• EXERCISE DATA:

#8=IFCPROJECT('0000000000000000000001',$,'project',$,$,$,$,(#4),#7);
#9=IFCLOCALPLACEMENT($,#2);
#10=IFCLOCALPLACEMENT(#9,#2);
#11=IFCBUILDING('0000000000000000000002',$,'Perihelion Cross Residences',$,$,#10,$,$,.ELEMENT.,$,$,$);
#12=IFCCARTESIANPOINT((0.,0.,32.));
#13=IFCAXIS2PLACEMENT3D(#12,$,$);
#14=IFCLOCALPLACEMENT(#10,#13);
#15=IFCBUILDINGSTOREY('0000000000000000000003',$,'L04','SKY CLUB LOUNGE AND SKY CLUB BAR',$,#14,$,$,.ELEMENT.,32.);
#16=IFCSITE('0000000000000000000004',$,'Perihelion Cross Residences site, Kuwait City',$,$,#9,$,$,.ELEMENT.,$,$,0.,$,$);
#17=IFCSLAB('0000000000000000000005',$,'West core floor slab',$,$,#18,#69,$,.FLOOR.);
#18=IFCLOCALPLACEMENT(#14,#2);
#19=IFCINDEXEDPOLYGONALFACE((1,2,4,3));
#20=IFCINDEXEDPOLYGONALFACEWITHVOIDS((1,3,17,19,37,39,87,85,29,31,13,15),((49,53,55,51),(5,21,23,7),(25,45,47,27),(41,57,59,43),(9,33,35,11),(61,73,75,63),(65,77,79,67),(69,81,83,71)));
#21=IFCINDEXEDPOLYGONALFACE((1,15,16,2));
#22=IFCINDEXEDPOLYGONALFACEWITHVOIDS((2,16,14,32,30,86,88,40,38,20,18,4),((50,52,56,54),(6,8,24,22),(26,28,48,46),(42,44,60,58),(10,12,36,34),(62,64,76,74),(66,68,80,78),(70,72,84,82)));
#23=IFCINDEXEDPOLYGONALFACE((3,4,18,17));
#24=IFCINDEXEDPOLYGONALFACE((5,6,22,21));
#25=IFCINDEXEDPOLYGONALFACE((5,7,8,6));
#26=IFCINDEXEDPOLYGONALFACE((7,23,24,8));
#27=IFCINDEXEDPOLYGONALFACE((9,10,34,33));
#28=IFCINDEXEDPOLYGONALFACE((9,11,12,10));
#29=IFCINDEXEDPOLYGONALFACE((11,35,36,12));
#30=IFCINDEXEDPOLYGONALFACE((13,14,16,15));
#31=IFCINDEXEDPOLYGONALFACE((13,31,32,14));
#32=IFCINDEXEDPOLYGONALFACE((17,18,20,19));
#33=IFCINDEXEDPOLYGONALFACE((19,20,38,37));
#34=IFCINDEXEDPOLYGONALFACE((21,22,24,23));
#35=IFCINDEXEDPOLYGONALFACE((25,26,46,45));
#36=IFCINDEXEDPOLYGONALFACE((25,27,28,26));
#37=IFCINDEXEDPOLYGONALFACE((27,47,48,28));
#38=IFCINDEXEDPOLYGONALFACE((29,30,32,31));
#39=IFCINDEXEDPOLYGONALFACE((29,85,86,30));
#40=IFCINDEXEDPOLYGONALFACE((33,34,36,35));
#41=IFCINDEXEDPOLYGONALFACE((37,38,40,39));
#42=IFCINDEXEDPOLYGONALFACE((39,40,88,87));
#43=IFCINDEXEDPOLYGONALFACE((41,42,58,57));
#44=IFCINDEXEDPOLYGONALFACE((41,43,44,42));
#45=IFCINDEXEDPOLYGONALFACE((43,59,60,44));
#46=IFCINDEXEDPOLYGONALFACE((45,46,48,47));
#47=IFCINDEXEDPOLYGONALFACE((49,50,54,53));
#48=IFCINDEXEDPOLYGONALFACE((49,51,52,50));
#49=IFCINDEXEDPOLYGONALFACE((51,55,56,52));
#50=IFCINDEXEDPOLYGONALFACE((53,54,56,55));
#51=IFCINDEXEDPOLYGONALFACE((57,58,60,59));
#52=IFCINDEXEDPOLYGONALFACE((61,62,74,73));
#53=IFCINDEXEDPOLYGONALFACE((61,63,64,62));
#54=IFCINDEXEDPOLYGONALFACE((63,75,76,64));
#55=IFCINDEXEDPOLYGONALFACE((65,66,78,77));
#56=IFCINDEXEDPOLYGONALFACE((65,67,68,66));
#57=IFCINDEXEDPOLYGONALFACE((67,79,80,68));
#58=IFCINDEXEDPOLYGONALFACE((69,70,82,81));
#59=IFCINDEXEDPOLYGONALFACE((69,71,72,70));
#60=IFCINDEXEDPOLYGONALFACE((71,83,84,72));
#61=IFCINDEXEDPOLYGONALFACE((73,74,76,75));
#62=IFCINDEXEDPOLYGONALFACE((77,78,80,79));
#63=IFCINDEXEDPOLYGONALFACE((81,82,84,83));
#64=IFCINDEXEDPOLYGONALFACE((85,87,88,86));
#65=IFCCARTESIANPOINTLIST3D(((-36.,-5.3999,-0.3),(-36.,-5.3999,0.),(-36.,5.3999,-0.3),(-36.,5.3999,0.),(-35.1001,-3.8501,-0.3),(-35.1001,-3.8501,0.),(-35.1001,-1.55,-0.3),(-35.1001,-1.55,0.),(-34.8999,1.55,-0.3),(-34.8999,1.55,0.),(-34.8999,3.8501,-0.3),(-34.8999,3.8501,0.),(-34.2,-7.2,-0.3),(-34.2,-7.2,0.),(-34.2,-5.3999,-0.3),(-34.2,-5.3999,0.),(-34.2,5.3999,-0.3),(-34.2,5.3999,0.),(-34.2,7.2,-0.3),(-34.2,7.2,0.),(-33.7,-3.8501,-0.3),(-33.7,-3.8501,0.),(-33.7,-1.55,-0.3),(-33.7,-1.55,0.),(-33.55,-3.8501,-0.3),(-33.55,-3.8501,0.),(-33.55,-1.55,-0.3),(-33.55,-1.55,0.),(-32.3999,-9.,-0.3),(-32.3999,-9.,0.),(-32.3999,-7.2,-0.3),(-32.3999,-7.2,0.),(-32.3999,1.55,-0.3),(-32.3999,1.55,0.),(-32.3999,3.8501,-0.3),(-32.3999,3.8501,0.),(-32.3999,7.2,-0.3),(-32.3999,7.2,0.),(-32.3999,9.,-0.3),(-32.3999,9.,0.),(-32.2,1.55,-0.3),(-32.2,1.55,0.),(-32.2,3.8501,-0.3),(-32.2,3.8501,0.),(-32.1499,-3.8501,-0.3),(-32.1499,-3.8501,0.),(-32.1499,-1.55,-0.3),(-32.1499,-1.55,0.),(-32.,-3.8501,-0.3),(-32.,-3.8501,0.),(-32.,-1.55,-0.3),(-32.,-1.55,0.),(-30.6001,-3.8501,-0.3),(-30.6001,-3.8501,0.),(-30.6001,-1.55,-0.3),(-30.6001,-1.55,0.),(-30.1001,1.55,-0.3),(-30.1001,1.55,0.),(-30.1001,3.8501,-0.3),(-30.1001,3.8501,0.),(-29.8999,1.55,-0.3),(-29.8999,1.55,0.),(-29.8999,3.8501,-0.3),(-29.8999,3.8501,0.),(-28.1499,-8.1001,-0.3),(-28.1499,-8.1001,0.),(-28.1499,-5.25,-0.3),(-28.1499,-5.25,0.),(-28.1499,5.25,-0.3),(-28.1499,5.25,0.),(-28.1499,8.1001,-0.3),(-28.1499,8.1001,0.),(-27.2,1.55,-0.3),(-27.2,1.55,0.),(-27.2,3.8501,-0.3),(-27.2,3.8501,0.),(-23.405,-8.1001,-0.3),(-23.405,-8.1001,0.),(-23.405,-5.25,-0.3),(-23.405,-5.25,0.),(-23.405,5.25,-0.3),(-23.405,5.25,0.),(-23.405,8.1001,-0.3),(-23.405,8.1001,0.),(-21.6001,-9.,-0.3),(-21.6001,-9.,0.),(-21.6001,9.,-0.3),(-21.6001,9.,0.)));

• EXERCISE: Every line that contains the string "Cross" should be returned from the data.

• ANSWER TO THIS PROBLEM:
#11=IFCBUILDING('0000000000000000000002',$,'Perihelion Cross Residences',$,$,#10,$,$,.ELEMENT.,$,$,$);
#16=IFCSITE('0000000000000000000004',$,'Perihelion Cross Residences site, Kuwait City',$,$,#9,$,$,.ELEMENT.,$,$,0.,$,$);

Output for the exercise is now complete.